---------- Exercise data ----------

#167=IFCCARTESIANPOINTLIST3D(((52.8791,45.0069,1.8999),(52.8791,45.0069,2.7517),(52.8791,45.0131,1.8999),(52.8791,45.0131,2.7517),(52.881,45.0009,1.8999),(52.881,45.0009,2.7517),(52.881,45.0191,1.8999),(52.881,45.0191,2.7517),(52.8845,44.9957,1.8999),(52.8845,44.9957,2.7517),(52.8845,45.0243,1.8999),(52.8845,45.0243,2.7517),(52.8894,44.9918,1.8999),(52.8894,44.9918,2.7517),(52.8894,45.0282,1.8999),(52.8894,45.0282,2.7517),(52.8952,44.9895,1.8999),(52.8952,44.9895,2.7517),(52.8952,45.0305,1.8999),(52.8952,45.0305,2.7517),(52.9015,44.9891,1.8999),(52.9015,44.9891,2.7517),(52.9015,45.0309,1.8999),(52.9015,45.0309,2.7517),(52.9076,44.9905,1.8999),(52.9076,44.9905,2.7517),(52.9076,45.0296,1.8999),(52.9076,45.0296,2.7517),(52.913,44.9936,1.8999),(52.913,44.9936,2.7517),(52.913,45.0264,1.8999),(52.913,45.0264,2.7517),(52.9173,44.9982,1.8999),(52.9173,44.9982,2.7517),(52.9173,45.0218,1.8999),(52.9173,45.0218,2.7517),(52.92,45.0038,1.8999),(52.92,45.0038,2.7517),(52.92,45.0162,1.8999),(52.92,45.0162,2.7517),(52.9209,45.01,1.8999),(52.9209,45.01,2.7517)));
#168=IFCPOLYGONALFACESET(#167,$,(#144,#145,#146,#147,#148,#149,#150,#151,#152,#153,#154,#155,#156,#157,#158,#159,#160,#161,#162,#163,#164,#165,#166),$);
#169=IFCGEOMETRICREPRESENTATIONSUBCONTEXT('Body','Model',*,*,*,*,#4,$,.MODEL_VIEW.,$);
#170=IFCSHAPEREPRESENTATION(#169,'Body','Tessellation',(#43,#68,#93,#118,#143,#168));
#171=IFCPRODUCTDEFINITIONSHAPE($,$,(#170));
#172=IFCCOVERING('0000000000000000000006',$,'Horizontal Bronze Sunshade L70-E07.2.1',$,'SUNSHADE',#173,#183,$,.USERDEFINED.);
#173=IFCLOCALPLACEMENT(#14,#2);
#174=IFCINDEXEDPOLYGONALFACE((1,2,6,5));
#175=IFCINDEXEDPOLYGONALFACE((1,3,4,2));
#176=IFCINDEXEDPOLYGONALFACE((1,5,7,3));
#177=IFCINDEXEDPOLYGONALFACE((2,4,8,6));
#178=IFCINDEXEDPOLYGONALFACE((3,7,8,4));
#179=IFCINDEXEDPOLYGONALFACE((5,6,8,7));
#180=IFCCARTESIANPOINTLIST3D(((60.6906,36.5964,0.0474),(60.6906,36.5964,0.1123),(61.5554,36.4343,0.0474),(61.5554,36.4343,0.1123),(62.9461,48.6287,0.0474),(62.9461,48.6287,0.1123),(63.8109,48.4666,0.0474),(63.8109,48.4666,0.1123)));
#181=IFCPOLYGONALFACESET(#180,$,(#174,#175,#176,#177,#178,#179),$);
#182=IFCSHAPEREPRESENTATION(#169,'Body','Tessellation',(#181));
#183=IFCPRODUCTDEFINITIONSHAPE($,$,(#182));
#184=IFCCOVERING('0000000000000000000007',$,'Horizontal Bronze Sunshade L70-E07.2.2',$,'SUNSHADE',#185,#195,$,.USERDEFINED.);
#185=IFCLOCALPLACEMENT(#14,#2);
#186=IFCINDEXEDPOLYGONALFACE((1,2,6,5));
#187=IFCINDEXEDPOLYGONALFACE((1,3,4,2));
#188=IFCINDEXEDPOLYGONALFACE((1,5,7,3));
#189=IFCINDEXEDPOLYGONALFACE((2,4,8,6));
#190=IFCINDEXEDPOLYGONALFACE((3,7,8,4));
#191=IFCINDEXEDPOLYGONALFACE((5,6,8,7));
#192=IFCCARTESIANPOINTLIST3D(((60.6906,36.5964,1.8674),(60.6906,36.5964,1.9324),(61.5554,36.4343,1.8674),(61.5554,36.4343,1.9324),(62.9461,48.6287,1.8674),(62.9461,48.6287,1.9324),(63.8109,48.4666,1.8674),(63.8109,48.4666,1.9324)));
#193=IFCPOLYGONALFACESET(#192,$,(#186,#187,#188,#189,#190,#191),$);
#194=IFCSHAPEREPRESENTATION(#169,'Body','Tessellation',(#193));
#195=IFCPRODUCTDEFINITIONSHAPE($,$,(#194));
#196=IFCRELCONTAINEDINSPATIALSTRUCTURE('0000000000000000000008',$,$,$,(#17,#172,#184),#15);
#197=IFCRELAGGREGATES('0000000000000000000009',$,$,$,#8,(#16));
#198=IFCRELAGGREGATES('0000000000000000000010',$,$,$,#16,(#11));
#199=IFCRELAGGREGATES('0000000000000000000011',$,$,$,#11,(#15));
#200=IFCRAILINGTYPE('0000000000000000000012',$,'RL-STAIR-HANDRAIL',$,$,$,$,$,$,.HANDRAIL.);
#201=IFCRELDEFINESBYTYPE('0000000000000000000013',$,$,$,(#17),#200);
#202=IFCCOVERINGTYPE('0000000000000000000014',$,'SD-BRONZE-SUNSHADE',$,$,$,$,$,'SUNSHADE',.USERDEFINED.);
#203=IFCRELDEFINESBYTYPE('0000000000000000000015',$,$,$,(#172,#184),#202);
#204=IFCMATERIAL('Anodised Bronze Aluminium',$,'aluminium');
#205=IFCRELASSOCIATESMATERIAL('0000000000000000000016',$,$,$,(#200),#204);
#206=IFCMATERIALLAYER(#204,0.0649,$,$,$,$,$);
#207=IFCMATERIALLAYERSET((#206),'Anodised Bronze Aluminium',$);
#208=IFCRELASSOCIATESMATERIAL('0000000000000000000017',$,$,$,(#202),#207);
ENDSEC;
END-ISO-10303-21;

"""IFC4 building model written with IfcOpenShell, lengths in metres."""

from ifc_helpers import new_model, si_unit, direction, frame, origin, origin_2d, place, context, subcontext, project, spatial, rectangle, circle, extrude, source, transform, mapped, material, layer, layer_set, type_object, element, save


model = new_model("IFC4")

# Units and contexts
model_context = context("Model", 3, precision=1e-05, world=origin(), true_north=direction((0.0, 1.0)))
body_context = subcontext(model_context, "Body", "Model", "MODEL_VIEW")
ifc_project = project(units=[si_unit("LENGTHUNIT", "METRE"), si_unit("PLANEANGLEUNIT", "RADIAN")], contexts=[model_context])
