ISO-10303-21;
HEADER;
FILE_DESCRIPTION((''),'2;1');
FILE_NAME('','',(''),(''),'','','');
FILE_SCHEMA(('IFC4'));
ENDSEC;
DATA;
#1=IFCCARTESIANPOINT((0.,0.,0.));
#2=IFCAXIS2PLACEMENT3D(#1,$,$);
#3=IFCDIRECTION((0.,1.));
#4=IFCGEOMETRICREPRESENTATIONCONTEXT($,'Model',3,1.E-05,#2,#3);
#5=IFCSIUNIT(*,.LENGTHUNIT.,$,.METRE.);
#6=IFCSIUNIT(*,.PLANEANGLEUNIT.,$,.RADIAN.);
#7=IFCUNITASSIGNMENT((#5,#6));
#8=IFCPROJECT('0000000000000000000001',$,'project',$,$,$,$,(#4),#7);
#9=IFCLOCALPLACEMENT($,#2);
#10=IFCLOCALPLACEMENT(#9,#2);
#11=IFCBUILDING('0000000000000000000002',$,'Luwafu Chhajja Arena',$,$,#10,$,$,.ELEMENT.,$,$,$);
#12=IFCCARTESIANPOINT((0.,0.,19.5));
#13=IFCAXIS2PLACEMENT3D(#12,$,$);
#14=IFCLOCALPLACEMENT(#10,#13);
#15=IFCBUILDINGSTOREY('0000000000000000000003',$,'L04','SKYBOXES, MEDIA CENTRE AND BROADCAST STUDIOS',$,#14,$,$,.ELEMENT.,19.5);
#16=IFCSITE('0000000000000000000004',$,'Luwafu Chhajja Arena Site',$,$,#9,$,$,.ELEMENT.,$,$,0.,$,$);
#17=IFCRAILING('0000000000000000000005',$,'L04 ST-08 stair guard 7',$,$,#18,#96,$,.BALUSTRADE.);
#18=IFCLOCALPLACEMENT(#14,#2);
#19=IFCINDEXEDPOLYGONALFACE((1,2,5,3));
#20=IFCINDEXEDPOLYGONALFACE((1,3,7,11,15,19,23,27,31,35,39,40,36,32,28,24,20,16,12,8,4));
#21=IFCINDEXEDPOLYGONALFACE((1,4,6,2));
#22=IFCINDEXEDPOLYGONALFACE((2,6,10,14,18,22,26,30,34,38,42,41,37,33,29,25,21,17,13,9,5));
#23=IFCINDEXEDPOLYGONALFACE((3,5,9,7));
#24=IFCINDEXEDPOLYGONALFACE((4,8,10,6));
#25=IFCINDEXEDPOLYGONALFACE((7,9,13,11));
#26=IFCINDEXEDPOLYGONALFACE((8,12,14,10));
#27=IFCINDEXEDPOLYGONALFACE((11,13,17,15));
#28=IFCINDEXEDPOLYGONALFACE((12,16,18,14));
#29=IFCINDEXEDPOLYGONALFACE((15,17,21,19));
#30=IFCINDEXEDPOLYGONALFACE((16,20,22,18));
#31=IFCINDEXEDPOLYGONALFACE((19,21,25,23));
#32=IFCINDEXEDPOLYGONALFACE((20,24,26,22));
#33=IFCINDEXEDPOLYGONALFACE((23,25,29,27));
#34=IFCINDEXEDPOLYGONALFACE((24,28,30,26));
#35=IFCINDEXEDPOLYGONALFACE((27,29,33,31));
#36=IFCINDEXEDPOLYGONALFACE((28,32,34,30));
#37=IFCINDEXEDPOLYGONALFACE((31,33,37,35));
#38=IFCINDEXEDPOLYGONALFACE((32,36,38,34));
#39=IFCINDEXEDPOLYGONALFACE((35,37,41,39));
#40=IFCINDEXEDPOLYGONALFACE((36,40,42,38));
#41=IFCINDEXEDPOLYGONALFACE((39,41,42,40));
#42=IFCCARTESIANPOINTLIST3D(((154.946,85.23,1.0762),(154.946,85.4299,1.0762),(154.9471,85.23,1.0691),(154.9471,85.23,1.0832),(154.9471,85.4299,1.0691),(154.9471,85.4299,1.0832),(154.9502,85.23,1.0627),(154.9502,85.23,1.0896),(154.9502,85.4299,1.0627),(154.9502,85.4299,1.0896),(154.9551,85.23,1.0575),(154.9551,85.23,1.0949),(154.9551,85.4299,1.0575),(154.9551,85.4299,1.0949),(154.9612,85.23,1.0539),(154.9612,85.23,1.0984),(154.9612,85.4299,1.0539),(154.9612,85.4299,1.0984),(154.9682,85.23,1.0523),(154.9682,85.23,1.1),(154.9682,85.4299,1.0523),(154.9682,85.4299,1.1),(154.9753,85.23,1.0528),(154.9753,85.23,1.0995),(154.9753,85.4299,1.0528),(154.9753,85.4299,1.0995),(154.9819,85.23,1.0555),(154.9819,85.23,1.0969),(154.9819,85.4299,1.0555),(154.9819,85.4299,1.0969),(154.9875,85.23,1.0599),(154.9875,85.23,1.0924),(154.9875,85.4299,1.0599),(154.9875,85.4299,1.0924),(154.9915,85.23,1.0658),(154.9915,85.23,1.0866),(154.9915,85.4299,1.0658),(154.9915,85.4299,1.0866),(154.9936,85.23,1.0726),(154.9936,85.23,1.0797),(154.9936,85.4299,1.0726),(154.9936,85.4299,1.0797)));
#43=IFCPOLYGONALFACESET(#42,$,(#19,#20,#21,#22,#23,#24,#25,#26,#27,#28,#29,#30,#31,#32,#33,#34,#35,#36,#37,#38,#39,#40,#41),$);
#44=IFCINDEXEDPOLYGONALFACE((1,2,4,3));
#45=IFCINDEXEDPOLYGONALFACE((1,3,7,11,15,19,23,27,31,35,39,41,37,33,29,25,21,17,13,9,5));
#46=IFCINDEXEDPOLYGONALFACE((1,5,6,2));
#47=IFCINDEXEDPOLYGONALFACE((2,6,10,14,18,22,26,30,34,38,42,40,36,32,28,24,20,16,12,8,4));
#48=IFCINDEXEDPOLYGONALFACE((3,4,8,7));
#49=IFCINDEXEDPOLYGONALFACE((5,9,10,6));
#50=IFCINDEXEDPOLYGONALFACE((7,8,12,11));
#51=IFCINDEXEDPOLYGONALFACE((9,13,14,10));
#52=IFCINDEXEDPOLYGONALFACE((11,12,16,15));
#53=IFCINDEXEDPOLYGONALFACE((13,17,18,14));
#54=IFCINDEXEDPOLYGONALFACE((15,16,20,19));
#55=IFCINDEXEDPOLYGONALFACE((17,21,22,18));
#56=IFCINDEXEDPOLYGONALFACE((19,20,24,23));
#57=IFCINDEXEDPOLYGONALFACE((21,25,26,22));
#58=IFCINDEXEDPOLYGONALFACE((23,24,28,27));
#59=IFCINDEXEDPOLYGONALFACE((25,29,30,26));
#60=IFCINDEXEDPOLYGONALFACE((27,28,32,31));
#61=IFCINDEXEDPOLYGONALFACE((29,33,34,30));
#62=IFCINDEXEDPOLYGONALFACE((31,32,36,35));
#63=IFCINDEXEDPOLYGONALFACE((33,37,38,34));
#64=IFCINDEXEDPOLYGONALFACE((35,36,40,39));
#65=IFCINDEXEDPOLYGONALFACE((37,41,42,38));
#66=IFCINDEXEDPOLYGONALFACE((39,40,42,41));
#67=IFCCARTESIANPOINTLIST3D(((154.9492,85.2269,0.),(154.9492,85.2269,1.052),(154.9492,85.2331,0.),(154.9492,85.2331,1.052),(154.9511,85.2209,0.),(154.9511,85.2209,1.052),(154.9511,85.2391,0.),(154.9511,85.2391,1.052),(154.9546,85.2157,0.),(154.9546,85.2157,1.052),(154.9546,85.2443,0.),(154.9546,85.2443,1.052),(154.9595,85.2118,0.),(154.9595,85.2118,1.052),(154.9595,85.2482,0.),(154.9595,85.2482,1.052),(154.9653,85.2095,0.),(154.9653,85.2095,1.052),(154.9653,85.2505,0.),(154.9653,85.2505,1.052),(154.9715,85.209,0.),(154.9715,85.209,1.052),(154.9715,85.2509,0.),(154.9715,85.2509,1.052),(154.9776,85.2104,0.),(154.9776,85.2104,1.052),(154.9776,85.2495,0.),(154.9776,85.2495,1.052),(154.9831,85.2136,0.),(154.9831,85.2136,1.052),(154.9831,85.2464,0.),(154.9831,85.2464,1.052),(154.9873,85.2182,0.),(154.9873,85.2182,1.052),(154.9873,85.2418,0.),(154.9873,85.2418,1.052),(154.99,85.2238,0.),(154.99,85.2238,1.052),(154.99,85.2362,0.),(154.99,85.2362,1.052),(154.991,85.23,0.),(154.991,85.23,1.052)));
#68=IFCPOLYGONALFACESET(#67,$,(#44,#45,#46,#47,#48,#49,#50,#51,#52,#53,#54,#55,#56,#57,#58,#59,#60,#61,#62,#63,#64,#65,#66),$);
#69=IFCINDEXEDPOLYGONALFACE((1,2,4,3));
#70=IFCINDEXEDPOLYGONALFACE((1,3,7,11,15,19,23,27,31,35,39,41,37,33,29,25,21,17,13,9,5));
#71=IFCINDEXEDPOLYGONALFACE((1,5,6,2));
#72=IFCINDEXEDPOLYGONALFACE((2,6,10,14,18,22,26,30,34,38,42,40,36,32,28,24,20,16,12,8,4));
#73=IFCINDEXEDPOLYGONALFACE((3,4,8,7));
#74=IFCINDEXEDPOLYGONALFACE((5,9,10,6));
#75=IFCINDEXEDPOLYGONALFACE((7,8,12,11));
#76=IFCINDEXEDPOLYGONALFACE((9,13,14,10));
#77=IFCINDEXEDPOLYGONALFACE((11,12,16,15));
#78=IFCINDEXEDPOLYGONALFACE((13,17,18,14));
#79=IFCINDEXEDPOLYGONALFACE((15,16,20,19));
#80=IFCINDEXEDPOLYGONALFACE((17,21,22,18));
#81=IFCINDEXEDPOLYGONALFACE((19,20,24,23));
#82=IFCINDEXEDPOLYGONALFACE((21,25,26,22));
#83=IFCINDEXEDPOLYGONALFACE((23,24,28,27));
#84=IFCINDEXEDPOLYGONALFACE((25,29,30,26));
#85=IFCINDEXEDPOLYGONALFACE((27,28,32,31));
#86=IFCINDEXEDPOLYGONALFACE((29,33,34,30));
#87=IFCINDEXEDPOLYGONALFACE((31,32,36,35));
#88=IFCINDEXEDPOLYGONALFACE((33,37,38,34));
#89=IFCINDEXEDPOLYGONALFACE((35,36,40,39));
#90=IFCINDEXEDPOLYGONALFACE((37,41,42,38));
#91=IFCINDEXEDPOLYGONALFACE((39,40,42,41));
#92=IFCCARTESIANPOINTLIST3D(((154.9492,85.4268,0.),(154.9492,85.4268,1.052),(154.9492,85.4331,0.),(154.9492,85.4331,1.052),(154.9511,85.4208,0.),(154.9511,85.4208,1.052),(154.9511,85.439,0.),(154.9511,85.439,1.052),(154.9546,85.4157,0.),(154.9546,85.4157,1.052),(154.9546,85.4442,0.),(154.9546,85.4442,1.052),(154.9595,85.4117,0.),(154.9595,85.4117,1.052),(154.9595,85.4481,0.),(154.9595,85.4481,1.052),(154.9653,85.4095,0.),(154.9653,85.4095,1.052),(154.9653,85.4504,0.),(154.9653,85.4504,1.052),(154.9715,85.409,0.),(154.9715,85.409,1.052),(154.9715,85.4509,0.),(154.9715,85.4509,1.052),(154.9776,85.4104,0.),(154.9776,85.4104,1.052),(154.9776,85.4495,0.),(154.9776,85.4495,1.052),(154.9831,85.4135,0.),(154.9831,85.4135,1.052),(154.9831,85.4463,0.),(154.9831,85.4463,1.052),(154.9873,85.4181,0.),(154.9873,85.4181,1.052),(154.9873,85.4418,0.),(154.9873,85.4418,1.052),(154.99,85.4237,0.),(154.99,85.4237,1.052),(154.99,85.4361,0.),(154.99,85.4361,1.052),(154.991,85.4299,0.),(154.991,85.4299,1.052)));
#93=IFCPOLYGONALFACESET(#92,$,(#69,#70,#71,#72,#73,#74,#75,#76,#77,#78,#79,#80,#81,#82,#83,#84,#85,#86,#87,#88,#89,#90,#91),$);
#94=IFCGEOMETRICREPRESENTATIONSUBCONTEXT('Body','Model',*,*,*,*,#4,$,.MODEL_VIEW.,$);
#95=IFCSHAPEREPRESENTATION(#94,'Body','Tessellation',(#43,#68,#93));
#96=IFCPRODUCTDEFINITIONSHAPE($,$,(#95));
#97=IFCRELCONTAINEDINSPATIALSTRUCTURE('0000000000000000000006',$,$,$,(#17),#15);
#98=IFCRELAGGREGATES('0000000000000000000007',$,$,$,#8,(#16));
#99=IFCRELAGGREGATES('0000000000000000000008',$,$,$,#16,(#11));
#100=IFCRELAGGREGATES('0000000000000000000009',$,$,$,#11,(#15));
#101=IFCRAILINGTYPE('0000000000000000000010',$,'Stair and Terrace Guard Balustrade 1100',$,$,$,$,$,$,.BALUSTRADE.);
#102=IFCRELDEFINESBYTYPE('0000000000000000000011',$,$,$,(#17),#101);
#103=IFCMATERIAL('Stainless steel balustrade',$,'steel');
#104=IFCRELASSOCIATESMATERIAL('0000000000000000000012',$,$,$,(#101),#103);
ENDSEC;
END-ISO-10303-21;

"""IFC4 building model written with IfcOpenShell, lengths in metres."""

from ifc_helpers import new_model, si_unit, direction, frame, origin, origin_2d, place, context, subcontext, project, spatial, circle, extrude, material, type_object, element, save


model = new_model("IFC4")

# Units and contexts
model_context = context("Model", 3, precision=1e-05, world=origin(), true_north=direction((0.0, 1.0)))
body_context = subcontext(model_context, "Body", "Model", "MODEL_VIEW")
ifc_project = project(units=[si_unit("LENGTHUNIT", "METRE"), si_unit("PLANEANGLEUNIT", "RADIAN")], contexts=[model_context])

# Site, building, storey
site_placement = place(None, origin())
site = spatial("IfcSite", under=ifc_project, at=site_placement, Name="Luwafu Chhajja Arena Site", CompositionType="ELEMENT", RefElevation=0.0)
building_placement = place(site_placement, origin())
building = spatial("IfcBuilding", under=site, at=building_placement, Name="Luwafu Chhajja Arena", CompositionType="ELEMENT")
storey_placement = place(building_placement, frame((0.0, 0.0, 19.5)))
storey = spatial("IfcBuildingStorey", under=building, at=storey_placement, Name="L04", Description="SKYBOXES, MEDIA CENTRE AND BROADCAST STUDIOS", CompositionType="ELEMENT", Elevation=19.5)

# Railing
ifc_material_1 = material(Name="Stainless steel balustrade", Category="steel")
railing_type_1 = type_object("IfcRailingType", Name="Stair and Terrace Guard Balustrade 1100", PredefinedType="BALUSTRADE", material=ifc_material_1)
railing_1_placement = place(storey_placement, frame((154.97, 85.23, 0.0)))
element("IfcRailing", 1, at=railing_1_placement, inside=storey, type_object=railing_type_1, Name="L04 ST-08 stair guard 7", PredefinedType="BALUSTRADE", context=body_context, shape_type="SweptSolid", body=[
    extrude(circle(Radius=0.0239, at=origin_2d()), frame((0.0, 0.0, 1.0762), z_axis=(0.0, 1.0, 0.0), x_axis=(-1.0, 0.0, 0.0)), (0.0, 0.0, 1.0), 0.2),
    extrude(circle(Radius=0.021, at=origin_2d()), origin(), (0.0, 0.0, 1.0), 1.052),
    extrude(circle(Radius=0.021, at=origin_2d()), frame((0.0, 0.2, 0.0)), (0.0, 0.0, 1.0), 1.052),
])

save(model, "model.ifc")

----------

For this exercise, please output exactly the lines above starting at the line with "#79=IFCINDEXEDPOLYGONALFACE((15,16,20,19));" and ending at the line with "#83=IFCINDEXEDPOLYGONALFACE((23,24,28,27));", ends included.

#79=IFCINDEXEDPOLYGONALFACE((15,16,20,19));
#80=IFCINDEXEDPOLYGONALFACE((17,21,22,18));
#81=IFCINDEXEDPOLYGONALFACE((19,20,24,23));
#82=IFCINDEXEDPOLYGONALFACE((21,25,26,22));
#83=IFCINDEXEDPOLYGONALFACE((23,24,28,27));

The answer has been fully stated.